TASK TO COMPLETE —
Repeat only the lines below from the one containing "#130=IFCINDEXEDPOLYGONALFACE((7,9,13,11));" through the one containing "#136=IFCINDEXEDPOLYGONALFACE((19,21,25,23));", inclusive, exactly as written.

**** INFORMATION SUPPLIED ****

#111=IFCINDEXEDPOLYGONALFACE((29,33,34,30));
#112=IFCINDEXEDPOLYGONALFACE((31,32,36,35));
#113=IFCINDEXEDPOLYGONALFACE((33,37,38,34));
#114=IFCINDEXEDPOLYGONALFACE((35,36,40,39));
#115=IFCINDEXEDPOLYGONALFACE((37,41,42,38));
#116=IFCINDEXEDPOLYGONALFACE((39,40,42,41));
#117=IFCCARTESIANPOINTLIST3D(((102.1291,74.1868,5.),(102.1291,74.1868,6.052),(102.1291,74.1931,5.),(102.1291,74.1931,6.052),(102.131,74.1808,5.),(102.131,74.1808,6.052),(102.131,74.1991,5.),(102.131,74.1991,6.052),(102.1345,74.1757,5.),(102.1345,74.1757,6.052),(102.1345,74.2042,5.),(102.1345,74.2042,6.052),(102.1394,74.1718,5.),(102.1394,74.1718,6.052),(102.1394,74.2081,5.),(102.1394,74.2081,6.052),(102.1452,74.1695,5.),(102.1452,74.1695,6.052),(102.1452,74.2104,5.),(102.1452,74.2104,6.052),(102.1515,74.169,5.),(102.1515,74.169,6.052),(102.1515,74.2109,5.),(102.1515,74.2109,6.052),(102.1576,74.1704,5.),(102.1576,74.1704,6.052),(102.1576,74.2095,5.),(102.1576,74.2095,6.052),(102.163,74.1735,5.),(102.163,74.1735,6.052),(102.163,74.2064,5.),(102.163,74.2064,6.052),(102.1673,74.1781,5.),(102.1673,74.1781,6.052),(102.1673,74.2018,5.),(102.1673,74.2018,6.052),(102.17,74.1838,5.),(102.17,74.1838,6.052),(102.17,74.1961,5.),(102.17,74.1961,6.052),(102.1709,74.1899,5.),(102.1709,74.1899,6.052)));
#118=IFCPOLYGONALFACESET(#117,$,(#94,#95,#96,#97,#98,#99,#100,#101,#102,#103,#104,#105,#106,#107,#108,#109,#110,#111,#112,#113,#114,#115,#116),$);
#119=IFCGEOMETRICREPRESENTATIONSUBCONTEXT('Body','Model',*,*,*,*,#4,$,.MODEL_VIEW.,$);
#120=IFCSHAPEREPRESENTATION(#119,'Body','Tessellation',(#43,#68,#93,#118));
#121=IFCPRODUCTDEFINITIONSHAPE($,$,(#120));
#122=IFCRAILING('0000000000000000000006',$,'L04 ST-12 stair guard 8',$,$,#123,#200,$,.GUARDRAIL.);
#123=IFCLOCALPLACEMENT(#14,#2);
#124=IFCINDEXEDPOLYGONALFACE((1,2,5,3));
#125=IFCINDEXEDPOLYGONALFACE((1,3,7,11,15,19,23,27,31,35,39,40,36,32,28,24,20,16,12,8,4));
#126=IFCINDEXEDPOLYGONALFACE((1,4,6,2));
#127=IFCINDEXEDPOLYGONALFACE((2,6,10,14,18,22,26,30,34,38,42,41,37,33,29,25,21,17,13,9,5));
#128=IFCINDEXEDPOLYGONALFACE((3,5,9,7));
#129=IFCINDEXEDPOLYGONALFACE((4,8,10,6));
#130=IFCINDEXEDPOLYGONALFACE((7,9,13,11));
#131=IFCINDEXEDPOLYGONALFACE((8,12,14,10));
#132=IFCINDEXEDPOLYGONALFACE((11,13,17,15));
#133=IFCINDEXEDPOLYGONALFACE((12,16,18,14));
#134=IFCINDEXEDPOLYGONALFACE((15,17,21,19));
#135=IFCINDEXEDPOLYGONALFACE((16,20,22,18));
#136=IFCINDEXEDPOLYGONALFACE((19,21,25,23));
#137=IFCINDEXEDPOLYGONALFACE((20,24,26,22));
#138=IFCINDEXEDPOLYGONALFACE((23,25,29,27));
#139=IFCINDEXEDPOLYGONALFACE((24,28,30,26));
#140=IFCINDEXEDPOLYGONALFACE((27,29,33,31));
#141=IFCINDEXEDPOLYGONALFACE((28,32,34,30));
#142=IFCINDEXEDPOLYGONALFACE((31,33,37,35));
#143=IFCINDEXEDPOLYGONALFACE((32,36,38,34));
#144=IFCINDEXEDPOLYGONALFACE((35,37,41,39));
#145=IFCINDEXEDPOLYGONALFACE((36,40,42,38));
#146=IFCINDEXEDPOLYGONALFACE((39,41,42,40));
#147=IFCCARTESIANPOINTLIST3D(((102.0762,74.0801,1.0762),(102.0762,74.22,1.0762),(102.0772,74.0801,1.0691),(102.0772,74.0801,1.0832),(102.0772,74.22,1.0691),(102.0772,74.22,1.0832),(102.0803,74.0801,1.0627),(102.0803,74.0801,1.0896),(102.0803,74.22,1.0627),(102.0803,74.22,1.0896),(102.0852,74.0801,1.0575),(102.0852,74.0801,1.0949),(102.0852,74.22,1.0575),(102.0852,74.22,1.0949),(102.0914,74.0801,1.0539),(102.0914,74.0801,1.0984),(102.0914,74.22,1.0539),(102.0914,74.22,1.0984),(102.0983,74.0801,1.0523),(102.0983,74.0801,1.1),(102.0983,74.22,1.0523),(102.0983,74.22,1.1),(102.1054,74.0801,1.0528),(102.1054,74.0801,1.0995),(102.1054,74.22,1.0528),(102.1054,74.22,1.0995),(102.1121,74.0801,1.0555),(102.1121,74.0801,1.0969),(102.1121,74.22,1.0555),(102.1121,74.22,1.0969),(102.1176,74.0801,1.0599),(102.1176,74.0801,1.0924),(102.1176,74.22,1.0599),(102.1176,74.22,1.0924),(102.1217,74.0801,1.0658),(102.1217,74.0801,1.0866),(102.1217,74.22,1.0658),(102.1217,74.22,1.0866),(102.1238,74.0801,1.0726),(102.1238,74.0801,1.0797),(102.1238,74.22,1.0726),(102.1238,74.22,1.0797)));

****
**** INFORMATION SUPPLIED ****

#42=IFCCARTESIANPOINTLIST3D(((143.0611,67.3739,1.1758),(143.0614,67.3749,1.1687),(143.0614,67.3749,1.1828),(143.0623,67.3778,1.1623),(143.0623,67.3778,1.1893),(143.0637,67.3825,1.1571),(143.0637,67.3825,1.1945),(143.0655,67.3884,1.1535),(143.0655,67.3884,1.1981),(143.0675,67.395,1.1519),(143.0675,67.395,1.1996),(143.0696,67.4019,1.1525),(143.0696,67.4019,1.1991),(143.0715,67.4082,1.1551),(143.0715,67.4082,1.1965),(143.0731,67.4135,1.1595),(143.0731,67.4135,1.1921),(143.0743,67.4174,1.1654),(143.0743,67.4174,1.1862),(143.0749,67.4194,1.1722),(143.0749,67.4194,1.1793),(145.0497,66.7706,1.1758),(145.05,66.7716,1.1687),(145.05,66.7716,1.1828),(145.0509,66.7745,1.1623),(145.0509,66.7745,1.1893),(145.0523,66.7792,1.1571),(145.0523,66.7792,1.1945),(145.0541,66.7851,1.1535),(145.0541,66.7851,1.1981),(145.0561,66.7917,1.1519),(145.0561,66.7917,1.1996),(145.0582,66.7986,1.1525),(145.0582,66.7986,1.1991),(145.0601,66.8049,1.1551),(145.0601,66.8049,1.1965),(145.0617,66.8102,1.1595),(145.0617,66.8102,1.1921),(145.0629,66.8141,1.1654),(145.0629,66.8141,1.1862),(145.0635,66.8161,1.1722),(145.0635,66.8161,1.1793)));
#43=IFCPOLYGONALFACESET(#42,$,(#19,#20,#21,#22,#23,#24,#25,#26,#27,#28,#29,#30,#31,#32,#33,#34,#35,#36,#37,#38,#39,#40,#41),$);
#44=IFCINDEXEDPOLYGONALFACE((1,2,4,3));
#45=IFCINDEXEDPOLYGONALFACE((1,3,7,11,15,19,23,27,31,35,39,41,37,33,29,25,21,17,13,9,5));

****

SOLUTION TO THIS PROBLEM —
#130=IFCINDEXEDPOLYGONALFACE((7,9,13,11));
#131=IFCINDEXEDPOLYGONALFACE((8,12,14,10));
#132=IFCINDEXEDPOLYGONALFACE((11,13,17,15));
#133=IFCINDEXEDPOLYGONALFACE((12,16,18,14));
#134=IFCINDEXEDPOLYGONALFACE((15,17,21,19));
#135=IFCINDEXEDPOLYGONALFACE((16,20,22,18));
#136=IFCINDEXEDPOLYGONALFACE((19,21,25,23));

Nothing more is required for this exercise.